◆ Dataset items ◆
####################

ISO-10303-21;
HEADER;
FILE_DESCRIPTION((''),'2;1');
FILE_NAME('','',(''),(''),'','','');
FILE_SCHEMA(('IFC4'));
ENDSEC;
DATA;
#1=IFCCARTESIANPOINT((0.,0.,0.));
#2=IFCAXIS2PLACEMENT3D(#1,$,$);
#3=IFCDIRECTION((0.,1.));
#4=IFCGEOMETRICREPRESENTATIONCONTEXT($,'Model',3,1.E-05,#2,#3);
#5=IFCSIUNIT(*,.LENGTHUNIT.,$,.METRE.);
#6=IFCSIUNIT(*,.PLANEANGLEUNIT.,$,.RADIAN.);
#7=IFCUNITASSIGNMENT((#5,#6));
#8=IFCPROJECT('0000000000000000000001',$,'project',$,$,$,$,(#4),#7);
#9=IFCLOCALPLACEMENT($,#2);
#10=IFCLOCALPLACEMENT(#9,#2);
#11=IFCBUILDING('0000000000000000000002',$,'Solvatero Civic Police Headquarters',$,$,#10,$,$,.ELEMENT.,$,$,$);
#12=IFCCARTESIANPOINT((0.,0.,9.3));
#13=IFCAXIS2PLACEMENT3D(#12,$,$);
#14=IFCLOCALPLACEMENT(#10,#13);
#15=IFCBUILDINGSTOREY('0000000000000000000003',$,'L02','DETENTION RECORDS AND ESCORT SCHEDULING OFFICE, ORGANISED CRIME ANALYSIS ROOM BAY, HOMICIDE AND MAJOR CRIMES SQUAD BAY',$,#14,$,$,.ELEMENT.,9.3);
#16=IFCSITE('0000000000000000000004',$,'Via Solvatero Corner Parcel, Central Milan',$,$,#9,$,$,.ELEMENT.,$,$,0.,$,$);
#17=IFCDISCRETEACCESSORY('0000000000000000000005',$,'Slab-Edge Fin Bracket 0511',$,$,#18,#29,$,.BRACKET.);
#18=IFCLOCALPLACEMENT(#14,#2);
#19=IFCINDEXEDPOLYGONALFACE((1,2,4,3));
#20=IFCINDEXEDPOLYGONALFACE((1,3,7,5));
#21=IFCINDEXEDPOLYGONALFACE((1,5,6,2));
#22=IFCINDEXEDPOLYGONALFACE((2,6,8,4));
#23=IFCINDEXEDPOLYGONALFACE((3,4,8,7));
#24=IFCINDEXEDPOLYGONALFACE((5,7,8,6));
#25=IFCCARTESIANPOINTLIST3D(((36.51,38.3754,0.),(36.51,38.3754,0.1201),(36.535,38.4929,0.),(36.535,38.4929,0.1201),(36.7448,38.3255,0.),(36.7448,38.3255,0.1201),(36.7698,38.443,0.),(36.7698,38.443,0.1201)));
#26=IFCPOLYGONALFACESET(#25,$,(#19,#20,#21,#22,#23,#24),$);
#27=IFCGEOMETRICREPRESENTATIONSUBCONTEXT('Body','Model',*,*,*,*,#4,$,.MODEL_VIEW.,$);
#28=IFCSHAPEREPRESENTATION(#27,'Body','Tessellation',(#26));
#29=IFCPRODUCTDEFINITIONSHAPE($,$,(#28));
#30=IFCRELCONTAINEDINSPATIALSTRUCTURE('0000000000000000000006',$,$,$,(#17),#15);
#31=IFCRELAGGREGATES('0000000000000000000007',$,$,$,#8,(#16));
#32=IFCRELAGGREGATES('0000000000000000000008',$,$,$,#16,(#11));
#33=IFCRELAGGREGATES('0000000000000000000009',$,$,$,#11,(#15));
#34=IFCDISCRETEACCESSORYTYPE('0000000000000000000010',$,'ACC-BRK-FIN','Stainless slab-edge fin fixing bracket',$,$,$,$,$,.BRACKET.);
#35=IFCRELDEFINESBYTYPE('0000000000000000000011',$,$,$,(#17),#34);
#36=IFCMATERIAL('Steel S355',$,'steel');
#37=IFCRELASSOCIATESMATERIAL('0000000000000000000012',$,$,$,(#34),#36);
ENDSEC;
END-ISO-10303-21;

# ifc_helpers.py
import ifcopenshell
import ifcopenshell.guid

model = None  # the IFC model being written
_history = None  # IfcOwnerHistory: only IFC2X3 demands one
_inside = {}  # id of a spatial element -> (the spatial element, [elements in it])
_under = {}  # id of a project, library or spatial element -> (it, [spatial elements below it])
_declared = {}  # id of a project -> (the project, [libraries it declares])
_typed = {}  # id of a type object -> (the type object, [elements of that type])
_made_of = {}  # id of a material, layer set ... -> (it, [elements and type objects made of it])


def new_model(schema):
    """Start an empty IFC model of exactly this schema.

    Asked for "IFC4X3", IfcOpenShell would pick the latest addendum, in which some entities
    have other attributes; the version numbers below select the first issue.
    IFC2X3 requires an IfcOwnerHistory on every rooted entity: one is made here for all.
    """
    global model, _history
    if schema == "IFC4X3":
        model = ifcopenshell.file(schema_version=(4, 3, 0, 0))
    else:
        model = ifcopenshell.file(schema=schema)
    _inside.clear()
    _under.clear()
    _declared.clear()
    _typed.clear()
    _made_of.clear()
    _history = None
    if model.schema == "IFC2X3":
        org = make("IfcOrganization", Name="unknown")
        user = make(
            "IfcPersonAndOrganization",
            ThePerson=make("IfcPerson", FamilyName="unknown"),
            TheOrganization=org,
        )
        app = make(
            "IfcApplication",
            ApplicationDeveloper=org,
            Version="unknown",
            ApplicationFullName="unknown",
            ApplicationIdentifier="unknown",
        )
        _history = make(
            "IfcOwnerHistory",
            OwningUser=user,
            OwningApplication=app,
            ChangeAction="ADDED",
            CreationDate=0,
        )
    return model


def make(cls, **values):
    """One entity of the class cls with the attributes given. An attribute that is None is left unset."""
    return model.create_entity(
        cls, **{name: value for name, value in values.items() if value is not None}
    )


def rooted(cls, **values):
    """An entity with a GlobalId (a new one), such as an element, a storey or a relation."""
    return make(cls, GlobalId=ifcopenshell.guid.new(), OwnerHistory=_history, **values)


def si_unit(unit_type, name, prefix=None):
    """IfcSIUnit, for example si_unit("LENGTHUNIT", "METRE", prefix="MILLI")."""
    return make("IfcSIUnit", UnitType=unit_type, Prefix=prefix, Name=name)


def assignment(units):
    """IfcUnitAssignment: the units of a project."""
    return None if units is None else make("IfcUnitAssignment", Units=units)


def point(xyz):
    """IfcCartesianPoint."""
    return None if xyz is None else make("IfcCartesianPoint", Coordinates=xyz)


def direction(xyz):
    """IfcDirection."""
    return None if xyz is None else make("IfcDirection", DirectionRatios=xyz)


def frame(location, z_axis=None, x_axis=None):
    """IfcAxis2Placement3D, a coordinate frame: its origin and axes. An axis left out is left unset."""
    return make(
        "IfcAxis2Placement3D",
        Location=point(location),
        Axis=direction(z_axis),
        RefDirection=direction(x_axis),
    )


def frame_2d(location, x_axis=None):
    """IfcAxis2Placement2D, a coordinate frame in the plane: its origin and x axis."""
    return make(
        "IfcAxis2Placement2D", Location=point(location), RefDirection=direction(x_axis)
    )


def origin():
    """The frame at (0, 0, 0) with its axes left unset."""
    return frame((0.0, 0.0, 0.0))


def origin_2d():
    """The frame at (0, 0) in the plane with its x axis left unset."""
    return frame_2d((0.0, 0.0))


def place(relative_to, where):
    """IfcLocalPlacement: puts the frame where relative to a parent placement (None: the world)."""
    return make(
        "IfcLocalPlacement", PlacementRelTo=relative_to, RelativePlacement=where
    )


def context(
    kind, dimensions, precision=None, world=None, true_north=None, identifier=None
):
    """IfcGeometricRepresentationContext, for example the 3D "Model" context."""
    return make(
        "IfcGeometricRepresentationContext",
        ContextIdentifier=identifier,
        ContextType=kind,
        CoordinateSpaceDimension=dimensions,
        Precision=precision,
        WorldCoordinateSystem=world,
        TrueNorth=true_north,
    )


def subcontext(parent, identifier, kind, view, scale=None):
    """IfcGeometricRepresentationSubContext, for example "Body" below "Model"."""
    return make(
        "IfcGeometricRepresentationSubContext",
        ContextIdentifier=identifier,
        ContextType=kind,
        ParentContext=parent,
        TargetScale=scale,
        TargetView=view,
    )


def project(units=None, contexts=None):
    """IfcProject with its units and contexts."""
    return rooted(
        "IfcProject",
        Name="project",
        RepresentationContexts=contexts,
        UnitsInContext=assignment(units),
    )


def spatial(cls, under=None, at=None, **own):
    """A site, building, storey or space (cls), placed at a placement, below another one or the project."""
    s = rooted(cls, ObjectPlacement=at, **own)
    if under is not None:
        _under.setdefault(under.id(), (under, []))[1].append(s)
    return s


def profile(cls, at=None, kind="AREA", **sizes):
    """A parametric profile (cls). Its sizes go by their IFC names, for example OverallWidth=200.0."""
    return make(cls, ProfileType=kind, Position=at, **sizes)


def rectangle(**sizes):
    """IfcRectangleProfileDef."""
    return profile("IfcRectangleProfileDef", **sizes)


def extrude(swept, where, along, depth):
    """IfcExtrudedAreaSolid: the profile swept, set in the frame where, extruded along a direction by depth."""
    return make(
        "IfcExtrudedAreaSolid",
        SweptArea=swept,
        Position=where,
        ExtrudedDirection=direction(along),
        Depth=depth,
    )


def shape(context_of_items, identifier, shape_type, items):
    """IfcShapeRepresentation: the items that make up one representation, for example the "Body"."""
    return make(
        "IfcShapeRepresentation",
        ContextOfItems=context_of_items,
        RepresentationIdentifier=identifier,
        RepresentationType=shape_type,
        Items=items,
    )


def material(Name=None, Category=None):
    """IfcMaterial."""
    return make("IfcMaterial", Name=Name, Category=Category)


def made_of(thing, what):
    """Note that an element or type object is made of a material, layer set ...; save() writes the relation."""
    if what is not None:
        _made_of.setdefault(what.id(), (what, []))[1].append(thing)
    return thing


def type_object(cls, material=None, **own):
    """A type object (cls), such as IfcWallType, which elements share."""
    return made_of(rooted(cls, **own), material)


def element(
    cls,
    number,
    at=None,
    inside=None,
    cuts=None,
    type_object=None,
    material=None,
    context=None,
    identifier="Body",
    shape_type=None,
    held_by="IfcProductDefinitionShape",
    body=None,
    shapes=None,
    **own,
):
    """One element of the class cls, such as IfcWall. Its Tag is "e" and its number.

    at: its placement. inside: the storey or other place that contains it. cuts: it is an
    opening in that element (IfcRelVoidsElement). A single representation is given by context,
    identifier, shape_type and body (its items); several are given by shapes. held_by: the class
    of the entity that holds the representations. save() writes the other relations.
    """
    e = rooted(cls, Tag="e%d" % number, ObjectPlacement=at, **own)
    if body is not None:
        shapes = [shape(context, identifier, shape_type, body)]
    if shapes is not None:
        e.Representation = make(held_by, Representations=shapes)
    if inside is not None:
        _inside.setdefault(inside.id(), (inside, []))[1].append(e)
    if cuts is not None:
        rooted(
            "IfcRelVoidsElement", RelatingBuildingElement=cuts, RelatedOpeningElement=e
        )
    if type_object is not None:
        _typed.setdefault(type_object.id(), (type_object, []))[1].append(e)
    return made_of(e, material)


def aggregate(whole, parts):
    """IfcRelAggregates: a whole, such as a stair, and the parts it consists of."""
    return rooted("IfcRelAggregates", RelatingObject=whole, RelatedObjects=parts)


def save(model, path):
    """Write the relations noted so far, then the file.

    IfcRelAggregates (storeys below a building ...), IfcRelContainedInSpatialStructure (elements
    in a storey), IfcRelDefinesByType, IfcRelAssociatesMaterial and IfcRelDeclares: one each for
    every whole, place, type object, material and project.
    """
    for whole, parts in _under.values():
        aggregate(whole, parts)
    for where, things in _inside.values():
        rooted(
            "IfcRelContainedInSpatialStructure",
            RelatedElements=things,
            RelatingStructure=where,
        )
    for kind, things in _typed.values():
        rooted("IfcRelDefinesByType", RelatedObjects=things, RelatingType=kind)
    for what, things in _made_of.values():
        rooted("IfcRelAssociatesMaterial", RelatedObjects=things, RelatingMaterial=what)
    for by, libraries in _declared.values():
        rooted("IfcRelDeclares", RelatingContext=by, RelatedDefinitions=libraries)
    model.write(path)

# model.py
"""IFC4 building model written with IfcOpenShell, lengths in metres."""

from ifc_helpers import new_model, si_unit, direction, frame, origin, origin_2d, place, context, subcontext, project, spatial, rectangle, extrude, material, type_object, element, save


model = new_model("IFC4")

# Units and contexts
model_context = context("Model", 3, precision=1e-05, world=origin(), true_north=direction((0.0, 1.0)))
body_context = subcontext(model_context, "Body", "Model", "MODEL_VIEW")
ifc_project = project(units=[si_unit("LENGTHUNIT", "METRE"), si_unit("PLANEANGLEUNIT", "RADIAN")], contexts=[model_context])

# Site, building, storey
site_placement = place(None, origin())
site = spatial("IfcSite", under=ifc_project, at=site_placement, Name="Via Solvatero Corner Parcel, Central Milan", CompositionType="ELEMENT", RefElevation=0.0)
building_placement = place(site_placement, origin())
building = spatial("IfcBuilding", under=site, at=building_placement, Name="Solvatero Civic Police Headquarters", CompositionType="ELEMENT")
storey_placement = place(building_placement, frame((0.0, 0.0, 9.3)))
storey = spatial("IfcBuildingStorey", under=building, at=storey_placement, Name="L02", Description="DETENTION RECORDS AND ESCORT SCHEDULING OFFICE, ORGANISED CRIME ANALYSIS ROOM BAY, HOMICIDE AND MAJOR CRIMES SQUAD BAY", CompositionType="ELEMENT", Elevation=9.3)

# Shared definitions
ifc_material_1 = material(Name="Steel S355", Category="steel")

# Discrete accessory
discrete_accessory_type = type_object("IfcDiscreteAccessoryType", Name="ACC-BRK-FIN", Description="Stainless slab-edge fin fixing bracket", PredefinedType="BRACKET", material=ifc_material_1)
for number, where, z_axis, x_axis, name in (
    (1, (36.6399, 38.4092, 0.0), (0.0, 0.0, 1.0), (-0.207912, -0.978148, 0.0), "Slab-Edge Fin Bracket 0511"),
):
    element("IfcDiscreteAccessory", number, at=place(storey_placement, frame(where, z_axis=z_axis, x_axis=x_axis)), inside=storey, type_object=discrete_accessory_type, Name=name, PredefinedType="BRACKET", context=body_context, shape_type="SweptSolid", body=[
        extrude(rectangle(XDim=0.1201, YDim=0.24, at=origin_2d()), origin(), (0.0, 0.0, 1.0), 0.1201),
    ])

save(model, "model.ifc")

####################

◆ Requirement ◆
Only the lines from the beginning of the data above through the line containing "#14=IFCLOCALPLACEMENT(#10,#13);" should be repeated, exactly as they appear.

◆ Result ◆
ISO-10303-21;
HEADER;
FILE_DESCRIPTION((''),'2;1');
FILE_NAME('','',(''),(''),'','','');
FILE_SCHEMA(('IFC4'));
ENDSEC;
DATA;
#1=IFCCARTESIANPOINT((0.,0.,0.));
#2=IFCAXIS2PLACEMENT3D(#1,$,$);
#3=IFCDIRECTION((0.,1.));
#4=IFCGEOMETRICREPRESENTATIONCONTEXT($,'Model',3,1.E-05,#2,#3);
#5=IFCSIUNIT(*,.LENGTHUNIT.,$,.METRE.);
#6=IFCSIUNIT(*,.PLANEANGLEUNIT.,$,.RADIAN.);
#7=IFCUNITASSIGNMENT((#5,#6));
#8=IFCPROJECT('0000000000000000000001',$,'project',$,$,$,$,(#4),#7);
#9=IFCLOCALPLACEMENT($,#2);
#10=IFCLOCALPLACEMENT(#9,#2);
#11=IFCBUILDING('0000000000000000000002',$,'Solvatero Civic Police Headquarters',$,$,#10,$,$,.ELEMENT.,$,$,$);
#12=IFCCARTESIANPOINT((0.,0.,9.3));
#13=IFCAXIS2PLACEMENT3D(#12,$,$);
#14=IFCLOCALPLACEMENT(#10,#13);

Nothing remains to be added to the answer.